SUPPLIED MATERIAL Start Marker
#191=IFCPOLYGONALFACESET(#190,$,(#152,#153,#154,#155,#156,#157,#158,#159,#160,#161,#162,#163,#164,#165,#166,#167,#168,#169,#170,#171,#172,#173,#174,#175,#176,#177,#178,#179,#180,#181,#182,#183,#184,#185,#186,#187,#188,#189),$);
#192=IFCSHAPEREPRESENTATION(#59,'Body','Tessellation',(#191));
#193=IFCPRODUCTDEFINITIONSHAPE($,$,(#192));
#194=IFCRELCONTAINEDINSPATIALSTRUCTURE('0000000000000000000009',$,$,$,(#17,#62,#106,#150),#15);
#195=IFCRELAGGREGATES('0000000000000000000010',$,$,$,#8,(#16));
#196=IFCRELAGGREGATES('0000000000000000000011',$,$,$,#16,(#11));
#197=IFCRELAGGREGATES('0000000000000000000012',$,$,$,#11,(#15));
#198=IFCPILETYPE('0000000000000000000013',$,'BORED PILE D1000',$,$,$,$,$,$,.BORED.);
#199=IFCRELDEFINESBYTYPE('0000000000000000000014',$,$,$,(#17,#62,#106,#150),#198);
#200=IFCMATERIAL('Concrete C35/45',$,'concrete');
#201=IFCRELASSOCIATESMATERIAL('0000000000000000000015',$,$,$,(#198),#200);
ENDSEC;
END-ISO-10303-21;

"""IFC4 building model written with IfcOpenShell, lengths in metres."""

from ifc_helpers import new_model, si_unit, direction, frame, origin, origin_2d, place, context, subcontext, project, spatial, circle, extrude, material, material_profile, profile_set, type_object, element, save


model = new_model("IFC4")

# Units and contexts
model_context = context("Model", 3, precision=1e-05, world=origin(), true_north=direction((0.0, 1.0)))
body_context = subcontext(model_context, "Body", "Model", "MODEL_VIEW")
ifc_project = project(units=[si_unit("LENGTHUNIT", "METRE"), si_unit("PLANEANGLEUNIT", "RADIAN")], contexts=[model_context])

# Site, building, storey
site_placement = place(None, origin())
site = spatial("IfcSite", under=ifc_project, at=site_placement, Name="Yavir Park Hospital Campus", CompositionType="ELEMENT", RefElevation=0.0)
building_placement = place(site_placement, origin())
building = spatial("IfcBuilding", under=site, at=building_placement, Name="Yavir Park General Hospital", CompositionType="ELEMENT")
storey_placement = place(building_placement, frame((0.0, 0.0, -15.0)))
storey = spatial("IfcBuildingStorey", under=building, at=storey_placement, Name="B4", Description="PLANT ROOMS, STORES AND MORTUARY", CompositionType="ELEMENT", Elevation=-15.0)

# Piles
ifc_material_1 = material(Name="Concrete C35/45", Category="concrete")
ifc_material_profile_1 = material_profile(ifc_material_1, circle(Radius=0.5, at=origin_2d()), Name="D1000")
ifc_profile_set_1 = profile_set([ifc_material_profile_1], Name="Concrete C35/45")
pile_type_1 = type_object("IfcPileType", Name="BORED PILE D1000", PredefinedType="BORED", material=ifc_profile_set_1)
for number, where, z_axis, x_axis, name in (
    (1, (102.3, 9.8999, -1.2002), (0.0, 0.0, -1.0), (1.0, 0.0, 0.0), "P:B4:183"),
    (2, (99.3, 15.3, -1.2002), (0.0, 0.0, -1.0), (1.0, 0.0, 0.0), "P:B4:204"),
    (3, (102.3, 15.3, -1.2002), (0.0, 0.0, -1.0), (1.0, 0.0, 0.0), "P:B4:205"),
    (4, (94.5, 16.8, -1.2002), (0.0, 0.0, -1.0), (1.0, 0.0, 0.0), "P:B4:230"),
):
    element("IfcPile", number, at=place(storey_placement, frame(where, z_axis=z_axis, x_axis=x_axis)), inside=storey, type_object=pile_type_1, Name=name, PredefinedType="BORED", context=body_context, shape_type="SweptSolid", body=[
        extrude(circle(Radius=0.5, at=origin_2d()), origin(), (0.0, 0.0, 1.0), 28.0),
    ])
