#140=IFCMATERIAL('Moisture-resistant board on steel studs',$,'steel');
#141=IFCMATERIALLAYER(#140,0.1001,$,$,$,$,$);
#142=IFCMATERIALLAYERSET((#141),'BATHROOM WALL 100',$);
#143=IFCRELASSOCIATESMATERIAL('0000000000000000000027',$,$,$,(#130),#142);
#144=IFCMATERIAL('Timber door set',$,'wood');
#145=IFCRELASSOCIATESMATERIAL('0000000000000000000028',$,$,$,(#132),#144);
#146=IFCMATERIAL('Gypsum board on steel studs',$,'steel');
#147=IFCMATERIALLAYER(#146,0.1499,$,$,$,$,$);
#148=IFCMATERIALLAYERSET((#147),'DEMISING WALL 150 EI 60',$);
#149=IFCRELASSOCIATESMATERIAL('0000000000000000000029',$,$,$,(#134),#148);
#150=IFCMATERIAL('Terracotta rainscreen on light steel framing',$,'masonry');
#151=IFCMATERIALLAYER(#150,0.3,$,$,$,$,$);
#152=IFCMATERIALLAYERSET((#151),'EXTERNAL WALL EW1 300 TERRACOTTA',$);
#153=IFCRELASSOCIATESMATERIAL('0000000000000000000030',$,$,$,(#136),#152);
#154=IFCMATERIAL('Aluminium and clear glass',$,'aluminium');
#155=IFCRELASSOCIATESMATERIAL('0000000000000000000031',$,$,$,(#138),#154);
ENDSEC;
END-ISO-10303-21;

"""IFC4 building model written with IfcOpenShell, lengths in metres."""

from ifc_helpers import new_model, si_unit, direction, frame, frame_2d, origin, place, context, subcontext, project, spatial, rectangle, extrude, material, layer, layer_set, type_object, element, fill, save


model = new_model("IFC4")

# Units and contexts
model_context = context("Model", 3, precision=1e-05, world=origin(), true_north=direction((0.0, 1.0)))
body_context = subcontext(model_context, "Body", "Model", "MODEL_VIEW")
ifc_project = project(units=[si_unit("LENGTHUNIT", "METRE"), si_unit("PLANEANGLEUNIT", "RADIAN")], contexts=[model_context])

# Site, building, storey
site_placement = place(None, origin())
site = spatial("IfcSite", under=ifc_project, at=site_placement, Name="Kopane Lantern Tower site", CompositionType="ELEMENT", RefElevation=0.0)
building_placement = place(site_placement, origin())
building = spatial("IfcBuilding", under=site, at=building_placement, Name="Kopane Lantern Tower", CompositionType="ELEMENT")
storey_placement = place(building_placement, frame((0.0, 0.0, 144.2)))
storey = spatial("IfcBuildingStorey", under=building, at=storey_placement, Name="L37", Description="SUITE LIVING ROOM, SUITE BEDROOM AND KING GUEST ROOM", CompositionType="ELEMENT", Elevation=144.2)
SUPPLIED MATERIAL End Marker
SUPPLIED MATERIAL Start Marker
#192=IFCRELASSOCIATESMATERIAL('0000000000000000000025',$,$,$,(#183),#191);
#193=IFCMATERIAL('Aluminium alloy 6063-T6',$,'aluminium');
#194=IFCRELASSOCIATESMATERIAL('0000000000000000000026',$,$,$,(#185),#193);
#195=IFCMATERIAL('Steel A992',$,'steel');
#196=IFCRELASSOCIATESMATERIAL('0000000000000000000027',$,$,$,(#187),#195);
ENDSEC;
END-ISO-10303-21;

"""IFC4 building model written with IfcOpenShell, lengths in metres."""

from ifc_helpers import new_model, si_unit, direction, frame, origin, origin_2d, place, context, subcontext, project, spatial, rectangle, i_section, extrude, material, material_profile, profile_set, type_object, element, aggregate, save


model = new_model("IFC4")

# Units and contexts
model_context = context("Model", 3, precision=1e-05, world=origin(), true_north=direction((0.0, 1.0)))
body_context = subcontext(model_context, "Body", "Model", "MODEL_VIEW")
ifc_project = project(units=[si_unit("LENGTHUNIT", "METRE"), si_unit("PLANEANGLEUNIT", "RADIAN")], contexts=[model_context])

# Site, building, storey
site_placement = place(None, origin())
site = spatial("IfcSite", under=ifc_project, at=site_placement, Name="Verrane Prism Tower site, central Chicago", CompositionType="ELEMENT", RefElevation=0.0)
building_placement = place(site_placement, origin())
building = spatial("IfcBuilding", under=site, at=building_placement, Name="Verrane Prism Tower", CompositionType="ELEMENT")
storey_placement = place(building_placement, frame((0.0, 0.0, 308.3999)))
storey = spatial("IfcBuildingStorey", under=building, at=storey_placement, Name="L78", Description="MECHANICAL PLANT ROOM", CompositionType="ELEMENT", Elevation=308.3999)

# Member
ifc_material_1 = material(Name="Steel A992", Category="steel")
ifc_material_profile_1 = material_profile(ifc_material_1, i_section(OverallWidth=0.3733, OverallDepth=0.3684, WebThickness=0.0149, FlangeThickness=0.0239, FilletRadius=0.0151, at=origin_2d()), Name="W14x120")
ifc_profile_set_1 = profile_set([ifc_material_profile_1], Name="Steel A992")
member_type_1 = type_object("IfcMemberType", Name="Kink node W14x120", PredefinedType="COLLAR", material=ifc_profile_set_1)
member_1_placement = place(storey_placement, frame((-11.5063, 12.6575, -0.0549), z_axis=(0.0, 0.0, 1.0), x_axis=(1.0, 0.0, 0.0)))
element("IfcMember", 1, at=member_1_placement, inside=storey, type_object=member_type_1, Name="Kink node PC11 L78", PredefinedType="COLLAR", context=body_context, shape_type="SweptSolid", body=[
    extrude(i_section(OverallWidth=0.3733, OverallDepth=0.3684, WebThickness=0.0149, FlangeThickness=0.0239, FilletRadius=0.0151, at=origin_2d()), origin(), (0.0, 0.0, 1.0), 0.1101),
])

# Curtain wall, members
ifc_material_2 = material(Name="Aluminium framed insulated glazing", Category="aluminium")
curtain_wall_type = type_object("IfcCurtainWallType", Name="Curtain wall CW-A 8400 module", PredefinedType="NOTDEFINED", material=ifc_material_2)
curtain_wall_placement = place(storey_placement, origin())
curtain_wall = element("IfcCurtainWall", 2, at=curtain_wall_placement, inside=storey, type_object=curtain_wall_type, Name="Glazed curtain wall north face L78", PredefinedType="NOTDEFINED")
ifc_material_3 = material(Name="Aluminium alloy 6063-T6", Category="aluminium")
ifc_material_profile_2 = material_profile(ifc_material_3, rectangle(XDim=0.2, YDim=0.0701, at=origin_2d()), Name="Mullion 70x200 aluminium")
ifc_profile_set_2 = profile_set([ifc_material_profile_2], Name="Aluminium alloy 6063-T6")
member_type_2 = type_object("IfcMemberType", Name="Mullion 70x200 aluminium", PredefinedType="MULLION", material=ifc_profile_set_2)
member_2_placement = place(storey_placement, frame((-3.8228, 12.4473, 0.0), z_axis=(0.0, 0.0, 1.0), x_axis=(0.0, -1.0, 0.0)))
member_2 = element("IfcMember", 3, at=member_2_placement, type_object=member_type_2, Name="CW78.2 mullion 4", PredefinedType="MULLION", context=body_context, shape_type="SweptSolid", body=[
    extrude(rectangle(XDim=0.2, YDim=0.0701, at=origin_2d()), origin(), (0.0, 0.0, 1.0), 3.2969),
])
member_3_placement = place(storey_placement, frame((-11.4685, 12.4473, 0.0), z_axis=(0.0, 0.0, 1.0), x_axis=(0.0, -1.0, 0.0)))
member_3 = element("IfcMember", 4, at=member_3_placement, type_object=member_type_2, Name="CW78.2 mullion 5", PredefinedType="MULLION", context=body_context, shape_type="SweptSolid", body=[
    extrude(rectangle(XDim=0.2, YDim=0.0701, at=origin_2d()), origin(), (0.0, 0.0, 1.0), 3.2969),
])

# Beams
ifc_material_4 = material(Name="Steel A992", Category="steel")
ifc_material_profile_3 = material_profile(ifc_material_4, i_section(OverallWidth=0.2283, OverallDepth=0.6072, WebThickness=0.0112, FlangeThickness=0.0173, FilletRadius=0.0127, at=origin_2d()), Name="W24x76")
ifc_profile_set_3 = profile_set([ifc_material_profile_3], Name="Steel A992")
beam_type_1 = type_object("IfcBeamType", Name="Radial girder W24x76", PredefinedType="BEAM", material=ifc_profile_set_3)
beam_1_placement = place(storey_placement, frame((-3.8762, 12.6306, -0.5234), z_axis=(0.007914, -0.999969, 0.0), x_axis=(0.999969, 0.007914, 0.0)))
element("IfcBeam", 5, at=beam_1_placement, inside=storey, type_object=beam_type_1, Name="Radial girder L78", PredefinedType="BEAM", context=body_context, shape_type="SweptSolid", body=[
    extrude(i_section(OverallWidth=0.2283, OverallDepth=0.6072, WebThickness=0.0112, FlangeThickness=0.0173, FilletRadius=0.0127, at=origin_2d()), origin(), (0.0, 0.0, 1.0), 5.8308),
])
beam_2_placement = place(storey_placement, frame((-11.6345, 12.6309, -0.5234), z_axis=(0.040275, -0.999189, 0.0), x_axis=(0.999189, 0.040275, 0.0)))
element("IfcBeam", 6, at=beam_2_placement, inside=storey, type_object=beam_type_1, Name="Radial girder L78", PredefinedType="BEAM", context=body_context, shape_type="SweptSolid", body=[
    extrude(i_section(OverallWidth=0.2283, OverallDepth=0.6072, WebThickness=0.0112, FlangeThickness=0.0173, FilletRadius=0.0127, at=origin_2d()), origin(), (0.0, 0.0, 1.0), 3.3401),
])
SUPPLIED MATERIAL End Marker
__THE TASK__
Check each line of the data for "IFCRELAGGREGATES". Copy the lines where it turns up.

__TASK RESPONSE__
#195=IFCRELAGGREGATES('0000000000000000000010',$,$,$,#8,(#16));
#196=IFCRELAGGREGATES('0000000000000000000011',$,$,$,#16,(#11));
#197=IFCRELAGGREGATES('0000000000000000000012',$,$,$,#11,(#15));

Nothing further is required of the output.